Dataset records section start

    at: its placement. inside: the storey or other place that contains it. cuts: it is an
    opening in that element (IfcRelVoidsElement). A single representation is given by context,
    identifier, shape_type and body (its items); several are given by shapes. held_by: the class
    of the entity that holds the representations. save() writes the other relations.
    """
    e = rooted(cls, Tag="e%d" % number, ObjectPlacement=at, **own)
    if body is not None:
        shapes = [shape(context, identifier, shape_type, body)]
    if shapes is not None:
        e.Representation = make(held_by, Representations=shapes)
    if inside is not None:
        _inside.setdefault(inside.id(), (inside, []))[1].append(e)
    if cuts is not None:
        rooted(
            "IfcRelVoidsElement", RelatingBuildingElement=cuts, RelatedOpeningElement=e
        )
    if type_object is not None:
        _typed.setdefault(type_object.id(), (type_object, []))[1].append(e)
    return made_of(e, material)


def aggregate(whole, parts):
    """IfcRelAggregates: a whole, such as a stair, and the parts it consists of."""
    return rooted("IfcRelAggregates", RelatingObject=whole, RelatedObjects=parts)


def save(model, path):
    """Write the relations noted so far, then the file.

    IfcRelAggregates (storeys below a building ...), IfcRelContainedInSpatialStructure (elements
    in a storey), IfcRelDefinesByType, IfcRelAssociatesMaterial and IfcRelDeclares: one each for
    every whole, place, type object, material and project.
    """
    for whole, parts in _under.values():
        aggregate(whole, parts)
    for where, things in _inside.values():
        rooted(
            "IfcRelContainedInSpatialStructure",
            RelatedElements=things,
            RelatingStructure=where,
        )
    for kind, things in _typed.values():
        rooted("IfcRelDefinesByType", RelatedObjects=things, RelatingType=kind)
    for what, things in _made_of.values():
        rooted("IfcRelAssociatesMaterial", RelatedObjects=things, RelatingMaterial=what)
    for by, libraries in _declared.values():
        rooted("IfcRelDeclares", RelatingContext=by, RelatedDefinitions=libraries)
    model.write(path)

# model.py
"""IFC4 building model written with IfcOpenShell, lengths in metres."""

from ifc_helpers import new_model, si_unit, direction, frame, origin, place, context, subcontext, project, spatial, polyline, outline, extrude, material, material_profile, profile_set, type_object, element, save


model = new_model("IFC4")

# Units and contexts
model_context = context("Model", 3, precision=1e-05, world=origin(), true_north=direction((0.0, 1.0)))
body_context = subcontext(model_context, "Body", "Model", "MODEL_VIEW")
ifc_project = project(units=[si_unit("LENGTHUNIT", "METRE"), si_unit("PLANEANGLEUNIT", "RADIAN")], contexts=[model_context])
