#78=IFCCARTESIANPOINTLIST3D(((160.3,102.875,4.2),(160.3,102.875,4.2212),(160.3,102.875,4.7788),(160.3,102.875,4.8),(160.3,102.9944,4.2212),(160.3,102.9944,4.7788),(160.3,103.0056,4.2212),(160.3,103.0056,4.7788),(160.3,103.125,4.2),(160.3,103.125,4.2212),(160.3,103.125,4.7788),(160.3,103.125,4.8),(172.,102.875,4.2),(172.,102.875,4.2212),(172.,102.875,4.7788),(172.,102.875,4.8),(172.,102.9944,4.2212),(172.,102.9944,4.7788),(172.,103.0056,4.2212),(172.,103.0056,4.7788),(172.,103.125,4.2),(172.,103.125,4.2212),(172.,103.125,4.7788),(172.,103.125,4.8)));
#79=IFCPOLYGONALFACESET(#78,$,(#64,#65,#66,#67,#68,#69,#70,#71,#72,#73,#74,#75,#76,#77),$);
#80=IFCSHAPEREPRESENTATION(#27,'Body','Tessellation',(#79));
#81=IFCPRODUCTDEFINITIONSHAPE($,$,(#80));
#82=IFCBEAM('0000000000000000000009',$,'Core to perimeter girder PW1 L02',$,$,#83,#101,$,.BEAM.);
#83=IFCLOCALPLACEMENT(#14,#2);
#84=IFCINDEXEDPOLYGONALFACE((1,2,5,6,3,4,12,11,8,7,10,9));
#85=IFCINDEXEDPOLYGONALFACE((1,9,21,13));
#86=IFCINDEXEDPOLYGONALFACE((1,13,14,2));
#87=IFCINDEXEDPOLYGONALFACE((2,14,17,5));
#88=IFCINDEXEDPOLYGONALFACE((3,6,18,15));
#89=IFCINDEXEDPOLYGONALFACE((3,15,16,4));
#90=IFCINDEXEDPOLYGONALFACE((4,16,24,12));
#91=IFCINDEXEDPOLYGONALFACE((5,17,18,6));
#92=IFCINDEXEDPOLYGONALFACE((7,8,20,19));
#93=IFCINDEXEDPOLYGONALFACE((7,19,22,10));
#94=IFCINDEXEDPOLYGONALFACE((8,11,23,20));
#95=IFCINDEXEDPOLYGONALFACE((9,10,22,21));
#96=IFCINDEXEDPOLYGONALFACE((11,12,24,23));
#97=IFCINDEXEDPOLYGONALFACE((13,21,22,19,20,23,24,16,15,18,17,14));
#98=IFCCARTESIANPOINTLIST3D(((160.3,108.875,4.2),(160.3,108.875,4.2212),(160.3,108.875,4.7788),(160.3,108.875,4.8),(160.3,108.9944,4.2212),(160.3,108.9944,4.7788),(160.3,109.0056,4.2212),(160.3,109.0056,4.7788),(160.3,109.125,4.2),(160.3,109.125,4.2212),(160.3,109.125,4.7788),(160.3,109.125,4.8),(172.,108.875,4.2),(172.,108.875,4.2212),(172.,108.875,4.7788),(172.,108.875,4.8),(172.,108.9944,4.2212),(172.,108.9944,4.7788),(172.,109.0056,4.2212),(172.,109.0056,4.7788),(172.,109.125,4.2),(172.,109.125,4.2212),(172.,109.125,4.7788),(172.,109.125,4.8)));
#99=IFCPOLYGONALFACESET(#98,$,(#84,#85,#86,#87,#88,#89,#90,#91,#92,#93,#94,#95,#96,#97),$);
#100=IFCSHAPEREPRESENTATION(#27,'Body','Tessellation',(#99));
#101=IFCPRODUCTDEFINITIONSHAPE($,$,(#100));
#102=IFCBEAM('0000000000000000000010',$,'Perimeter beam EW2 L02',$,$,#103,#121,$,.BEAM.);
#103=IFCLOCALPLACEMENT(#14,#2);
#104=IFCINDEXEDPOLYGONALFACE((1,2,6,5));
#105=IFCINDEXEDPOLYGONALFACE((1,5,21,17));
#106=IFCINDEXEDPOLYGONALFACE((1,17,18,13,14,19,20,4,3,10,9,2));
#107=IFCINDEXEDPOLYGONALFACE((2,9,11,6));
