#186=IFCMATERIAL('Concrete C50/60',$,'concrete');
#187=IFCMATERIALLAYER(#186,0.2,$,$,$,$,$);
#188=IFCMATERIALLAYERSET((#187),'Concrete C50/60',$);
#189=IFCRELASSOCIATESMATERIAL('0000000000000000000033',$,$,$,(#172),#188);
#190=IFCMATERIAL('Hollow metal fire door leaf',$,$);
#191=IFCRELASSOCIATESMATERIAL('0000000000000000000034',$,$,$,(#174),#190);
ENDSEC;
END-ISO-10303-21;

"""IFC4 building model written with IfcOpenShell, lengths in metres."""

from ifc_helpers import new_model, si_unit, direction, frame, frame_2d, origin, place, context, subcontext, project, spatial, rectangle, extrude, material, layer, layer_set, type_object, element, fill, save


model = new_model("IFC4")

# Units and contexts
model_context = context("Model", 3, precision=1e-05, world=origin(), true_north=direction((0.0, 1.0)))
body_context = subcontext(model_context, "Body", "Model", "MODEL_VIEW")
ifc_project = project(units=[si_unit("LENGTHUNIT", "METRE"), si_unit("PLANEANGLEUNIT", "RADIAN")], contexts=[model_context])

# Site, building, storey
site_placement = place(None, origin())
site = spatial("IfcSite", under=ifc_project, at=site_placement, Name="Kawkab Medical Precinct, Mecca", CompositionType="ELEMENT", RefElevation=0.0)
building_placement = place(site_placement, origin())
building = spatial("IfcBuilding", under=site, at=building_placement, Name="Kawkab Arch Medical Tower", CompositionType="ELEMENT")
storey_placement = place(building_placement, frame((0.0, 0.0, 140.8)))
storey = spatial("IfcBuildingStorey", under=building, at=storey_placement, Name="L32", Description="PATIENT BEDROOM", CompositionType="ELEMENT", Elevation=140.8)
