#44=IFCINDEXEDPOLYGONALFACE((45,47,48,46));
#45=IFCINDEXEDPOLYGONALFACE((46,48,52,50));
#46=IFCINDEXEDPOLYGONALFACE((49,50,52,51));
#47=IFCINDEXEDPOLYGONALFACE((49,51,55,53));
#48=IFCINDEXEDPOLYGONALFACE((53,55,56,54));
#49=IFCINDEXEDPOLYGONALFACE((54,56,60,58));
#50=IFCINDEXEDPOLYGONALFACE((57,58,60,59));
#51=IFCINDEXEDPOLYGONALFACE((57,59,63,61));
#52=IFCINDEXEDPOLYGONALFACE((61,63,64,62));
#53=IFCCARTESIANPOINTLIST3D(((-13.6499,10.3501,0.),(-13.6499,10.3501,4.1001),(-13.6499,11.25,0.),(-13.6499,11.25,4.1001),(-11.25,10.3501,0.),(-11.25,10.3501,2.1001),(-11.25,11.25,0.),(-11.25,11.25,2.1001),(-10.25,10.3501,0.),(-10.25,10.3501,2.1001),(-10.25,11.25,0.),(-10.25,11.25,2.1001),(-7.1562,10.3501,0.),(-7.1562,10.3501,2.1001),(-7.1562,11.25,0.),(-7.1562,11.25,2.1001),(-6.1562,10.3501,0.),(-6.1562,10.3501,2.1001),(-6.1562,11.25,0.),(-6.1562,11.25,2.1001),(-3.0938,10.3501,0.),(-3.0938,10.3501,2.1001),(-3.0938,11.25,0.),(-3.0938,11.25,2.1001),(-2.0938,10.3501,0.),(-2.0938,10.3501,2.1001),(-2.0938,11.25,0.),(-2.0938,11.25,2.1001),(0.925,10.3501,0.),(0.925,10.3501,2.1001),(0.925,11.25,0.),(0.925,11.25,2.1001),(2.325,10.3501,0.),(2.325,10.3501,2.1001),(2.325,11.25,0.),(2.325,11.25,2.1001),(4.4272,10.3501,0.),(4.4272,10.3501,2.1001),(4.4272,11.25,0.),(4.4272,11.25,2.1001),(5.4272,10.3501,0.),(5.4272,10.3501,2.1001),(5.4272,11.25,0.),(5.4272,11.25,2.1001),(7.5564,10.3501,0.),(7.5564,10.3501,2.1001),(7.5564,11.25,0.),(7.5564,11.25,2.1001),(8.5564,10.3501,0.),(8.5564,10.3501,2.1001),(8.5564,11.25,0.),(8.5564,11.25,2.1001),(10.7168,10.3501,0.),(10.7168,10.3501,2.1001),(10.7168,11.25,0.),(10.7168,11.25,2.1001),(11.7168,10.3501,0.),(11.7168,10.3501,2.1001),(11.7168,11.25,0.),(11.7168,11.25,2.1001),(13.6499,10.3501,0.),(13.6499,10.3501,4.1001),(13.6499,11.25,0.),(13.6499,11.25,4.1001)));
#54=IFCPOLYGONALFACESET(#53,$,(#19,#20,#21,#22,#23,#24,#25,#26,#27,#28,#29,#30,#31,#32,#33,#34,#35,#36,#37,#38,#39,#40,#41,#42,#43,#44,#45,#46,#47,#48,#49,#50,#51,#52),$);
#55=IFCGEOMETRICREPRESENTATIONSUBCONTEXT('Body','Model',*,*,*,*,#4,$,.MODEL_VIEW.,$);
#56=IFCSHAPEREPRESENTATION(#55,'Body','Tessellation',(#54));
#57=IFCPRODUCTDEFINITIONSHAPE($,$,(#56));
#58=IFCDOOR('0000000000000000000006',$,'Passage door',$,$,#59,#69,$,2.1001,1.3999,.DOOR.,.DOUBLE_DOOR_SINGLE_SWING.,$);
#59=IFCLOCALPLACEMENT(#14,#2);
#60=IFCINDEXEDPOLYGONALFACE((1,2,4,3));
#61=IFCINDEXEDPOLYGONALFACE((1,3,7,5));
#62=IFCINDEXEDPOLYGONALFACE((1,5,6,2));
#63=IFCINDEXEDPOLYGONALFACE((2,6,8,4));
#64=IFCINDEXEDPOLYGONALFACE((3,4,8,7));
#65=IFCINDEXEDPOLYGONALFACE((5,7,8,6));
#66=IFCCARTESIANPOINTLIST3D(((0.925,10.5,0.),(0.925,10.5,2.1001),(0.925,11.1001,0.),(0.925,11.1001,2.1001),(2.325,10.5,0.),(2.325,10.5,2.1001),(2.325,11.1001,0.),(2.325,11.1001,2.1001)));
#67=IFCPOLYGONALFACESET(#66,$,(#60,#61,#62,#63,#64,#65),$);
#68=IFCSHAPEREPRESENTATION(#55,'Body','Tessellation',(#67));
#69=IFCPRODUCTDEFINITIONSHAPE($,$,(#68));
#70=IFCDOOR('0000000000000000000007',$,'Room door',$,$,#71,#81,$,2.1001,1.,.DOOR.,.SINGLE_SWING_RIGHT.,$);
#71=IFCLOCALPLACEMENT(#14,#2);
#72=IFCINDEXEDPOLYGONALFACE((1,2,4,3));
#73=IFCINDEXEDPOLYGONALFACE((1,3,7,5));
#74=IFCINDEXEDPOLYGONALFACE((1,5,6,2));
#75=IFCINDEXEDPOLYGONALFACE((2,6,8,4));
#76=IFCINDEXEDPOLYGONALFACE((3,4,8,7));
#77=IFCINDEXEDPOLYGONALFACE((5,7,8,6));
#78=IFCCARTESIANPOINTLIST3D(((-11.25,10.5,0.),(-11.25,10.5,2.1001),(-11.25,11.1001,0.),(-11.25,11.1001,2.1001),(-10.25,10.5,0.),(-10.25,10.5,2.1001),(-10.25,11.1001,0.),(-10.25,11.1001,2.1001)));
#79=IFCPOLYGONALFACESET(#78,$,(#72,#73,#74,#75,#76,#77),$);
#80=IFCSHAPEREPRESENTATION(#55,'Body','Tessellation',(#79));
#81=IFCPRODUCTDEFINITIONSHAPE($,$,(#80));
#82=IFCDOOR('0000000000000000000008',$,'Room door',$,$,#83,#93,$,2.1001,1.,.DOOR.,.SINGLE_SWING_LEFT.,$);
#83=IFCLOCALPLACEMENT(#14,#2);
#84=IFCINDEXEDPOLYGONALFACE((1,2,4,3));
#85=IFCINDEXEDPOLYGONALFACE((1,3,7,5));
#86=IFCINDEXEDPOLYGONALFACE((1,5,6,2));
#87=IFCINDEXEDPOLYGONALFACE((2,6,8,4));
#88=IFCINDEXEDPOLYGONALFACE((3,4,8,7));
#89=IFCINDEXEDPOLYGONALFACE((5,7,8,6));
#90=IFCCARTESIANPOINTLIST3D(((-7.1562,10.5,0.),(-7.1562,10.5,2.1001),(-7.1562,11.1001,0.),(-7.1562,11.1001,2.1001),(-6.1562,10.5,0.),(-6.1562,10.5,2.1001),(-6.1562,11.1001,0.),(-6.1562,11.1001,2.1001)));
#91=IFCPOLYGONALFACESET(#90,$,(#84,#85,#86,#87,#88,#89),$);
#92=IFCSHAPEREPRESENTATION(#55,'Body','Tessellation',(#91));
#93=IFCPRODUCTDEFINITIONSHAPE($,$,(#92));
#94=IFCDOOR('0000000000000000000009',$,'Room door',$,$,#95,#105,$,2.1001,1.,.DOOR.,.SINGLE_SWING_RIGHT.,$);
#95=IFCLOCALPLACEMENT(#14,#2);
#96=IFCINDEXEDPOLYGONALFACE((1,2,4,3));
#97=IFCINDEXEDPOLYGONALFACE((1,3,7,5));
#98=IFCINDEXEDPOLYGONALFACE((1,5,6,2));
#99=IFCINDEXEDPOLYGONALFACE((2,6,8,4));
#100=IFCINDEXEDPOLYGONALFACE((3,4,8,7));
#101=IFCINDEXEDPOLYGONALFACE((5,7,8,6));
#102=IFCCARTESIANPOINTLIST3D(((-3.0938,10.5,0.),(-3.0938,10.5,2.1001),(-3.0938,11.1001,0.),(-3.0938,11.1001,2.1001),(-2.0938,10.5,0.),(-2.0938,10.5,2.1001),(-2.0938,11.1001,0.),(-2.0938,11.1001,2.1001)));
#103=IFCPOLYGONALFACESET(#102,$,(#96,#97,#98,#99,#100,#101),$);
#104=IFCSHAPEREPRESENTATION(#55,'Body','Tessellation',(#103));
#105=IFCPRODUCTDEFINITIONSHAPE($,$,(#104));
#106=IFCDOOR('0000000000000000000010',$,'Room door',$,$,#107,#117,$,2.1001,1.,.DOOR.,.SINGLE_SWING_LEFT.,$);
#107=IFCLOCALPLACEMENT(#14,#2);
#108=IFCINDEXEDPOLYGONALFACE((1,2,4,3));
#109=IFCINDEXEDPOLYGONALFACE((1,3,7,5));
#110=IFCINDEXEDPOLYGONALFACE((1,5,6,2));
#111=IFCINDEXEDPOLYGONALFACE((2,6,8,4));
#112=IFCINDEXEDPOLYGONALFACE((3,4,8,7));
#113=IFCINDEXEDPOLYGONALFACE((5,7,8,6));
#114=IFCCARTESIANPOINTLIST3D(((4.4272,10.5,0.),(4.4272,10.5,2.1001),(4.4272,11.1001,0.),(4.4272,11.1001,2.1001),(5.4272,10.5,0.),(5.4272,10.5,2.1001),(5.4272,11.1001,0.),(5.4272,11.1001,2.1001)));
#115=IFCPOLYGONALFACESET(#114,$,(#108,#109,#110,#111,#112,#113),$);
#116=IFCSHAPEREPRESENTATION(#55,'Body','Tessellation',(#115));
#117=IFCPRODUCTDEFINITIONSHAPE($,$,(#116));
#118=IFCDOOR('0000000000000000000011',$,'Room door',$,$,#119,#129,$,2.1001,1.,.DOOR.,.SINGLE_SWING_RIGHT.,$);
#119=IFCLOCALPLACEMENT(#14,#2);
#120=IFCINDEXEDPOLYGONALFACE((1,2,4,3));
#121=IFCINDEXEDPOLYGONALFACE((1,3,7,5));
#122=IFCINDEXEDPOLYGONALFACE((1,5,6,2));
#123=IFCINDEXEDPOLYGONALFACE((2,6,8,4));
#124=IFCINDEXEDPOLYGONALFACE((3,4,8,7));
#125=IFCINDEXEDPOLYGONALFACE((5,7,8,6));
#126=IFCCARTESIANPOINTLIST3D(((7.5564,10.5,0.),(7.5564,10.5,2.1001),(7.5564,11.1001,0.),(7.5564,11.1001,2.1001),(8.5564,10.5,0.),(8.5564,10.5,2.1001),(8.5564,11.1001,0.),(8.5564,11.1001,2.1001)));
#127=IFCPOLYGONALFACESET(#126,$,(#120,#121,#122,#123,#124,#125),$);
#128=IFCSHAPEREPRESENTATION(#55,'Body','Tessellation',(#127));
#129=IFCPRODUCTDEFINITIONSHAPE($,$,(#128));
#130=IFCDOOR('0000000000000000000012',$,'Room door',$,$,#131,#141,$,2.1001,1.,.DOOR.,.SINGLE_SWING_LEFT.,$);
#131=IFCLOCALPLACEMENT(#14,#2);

Dataset records section end

Please copy only the lines between the first line of the entries and the line with "if shapes is", keeping those two end lines as well, exactly as written.

    at: its placement. inside: the storey or other place that contains it. cuts: it is an
    opening in that element (IfcRelVoidsElement). A single representation is given by context,
    identifier, shape_type and body (its items); several are given by shapes. held_by: the class
    of the entity that holds the representations. save() writes the other relations.
    """
    e = rooted(cls, Tag="e%d" % number, ObjectPlacement=at, **own)
    if body is not None:
        shapes = [shape(context, identifier, shape_type, body)]
    if shapes is not None:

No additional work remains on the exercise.